**Dataset content:**
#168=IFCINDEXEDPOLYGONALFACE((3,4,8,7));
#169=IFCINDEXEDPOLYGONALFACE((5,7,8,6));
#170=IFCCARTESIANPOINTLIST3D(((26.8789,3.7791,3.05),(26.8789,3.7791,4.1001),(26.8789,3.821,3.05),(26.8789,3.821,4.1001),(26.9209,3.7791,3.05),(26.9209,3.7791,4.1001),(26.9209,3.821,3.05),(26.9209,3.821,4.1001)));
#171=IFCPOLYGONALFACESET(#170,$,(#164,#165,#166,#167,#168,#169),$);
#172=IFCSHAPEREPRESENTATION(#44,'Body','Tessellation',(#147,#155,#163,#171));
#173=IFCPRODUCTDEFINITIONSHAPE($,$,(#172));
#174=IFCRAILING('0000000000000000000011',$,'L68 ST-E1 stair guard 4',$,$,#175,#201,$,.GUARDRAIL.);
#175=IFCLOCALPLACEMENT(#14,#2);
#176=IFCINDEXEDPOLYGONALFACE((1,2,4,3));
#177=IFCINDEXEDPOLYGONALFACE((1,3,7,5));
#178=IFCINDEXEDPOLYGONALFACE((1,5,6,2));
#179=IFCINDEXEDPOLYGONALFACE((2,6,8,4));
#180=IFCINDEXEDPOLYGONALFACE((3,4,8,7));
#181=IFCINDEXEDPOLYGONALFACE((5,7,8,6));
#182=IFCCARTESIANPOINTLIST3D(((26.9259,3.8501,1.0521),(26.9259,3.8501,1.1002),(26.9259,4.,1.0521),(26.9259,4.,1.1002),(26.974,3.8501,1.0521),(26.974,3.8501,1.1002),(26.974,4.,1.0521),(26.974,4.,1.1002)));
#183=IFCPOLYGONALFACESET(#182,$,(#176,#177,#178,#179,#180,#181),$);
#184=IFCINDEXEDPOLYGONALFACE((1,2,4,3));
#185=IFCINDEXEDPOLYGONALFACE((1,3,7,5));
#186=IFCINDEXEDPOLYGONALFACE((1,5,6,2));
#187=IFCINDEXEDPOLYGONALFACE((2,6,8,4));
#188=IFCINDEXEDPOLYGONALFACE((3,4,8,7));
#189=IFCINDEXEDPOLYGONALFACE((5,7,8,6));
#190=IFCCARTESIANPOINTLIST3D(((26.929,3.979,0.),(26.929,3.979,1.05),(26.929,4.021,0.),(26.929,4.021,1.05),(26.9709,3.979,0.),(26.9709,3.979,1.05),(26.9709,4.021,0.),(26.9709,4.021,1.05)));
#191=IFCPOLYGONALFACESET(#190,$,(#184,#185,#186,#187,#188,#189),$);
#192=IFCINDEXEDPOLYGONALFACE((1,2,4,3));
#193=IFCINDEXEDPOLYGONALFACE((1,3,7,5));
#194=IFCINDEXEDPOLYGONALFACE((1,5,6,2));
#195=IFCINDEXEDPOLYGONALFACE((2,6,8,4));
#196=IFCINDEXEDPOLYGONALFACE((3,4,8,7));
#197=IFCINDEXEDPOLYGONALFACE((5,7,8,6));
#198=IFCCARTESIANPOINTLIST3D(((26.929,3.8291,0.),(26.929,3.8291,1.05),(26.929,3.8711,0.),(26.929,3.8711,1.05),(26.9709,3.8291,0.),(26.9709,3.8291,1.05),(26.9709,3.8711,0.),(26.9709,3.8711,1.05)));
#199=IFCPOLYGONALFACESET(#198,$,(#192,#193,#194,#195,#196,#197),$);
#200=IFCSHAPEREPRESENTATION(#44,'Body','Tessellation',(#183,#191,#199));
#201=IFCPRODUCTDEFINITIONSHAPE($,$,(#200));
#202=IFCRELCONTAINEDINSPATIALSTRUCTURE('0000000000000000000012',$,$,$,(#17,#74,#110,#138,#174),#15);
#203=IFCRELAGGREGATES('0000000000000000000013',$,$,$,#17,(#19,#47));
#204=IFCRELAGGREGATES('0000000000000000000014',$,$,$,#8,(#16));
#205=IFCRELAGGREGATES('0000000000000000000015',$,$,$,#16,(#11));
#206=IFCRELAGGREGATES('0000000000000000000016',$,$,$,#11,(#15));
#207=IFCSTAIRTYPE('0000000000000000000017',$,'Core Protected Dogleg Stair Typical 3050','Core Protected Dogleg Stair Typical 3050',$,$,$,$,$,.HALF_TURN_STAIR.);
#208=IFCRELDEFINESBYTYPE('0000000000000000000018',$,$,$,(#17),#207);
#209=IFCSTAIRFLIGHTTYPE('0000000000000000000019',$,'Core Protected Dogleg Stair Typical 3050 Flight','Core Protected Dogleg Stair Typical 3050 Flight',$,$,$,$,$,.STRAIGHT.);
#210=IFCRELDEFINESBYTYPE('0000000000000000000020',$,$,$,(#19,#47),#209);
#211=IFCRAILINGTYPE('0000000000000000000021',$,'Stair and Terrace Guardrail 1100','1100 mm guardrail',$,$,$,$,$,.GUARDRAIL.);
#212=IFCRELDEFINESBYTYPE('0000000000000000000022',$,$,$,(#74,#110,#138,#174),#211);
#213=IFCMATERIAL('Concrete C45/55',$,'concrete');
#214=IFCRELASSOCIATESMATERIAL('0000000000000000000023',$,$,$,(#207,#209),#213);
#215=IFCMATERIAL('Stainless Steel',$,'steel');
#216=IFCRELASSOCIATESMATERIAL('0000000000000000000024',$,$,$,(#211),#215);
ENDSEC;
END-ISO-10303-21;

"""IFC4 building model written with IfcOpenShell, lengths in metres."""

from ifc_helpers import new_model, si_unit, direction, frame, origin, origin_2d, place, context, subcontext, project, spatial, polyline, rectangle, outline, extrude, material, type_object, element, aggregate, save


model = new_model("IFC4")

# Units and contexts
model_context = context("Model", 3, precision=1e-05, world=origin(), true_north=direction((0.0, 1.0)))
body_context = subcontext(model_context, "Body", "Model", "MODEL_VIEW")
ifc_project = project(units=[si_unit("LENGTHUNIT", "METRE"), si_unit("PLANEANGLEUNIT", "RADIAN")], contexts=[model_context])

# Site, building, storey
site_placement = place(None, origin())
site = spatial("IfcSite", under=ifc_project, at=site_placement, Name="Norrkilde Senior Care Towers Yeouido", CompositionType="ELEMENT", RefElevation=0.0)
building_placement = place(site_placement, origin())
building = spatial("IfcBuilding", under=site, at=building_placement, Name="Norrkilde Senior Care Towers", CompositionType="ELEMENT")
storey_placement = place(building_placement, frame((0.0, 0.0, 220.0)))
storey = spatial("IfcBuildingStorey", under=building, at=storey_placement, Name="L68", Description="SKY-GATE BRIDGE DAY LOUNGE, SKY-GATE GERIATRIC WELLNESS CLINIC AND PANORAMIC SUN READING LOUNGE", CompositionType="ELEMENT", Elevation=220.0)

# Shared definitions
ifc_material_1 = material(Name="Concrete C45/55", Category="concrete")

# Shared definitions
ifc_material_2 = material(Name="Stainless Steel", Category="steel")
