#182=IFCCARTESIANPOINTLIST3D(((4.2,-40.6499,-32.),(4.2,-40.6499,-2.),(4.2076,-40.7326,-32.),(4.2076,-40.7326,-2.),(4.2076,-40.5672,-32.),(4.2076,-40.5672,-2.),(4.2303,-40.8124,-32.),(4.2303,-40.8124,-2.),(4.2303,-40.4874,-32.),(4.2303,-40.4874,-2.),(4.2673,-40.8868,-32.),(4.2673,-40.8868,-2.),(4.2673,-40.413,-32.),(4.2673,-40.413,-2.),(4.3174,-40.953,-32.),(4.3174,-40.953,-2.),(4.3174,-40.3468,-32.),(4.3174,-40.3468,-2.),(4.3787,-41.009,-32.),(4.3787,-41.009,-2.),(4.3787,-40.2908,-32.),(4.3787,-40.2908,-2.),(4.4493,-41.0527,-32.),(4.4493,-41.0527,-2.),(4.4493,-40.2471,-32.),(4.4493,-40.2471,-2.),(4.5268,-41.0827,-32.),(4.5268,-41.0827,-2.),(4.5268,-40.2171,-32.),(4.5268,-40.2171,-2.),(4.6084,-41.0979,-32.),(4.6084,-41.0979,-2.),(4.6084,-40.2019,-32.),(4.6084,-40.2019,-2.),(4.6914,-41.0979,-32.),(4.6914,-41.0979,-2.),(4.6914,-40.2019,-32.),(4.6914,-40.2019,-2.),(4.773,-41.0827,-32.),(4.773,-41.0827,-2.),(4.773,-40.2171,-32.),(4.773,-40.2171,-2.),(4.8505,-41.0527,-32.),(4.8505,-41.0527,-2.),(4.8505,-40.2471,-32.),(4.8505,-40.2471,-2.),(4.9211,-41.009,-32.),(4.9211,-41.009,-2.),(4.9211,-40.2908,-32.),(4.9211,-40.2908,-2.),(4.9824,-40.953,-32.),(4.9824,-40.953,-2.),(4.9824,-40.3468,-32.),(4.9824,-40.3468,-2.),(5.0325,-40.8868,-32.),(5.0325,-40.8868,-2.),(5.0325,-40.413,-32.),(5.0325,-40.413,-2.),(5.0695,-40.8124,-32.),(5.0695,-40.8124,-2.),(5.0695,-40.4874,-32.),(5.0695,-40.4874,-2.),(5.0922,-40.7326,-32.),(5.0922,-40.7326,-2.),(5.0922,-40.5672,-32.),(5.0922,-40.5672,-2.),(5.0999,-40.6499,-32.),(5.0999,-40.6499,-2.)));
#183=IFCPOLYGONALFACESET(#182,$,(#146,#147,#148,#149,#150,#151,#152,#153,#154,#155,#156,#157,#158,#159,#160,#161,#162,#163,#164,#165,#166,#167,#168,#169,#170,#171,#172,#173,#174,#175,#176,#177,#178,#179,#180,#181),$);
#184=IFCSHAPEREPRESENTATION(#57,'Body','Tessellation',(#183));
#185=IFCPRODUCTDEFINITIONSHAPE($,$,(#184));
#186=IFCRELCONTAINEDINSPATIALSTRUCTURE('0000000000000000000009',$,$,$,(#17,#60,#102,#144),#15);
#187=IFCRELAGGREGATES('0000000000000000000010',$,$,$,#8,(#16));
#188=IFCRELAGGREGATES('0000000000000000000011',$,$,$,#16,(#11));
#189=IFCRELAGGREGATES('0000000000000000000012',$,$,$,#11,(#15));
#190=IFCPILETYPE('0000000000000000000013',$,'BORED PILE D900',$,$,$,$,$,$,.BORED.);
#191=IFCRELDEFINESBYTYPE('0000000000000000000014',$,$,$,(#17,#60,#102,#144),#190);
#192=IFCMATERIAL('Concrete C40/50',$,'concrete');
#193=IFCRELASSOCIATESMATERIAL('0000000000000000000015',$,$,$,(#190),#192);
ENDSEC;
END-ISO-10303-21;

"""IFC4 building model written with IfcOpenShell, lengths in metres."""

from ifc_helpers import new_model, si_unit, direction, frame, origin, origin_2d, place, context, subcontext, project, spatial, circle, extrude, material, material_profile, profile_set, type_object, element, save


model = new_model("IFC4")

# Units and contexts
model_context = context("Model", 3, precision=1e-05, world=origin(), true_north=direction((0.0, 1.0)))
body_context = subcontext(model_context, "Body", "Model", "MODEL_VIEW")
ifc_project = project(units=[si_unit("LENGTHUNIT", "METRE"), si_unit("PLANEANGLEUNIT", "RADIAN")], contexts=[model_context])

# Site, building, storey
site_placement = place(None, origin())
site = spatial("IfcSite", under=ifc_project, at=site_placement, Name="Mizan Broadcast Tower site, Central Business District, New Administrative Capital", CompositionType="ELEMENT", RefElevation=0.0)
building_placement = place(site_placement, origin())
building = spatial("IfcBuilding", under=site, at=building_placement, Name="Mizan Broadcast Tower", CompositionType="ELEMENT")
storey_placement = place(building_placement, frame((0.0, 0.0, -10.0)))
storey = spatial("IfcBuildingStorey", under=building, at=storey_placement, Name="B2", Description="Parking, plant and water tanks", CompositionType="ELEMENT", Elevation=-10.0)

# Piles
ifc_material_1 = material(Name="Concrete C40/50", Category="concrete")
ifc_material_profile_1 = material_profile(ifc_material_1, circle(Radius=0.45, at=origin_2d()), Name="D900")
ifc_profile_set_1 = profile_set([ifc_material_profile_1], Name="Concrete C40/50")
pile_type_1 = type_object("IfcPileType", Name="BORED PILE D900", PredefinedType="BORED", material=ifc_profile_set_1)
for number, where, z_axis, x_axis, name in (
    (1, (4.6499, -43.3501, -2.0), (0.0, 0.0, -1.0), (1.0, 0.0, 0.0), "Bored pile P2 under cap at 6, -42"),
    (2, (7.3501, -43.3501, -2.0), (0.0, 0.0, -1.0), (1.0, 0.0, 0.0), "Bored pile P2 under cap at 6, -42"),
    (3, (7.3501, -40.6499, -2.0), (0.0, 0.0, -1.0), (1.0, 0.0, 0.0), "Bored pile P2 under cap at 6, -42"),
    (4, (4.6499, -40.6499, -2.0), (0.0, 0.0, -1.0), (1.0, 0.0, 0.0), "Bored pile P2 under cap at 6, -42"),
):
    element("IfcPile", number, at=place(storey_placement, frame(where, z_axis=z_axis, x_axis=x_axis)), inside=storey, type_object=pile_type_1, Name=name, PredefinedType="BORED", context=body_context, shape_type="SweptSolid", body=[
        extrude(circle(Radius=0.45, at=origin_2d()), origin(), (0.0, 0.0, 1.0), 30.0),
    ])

**What to produce:** Within the listing above, extract exactly the lines from the line with "#186=IFCINDEXEDPOLYGONALFACE((1,5,6,2));" to the line with "#194=IFCINDEXEDPOLYGONALFACE((1,5,6,2));", the two named lines included, and no others.

**Answer for the task:**
#186=IFCINDEXEDPOLYGONALFACE((1,5,6,2));
#187=IFCINDEXEDPOLYGONALFACE((2,6,8,4));
#188=IFCINDEXEDPOLYGONALFACE((3,4,8,7));
#189=IFCINDEXEDPOLYGONALFACE((5,7,8,6));
#190=IFCCARTESIANPOINTLIST3D(((26.929,3.979,0.),(26.929,3.979,1.05),(26.929,4.021,0.),(26.929,4.021,1.05),(26.9709,3.979,0.),(26.9709,3.979,1.05),(26.9709,4.021,0.),(26.9709,4.021,1.05)));
#191=IFCPOLYGONALFACESET(#190,$,(#184,#185,#186,#187,#188,#189),$);
#192=IFCINDEXEDPOLYGONALFACE((1,2,4,3));
#193=IFCINDEXEDPOLYGONALFACE((1,3,7,5));
#194=IFCINDEXEDPOLYGONALFACE((1,5,6,2));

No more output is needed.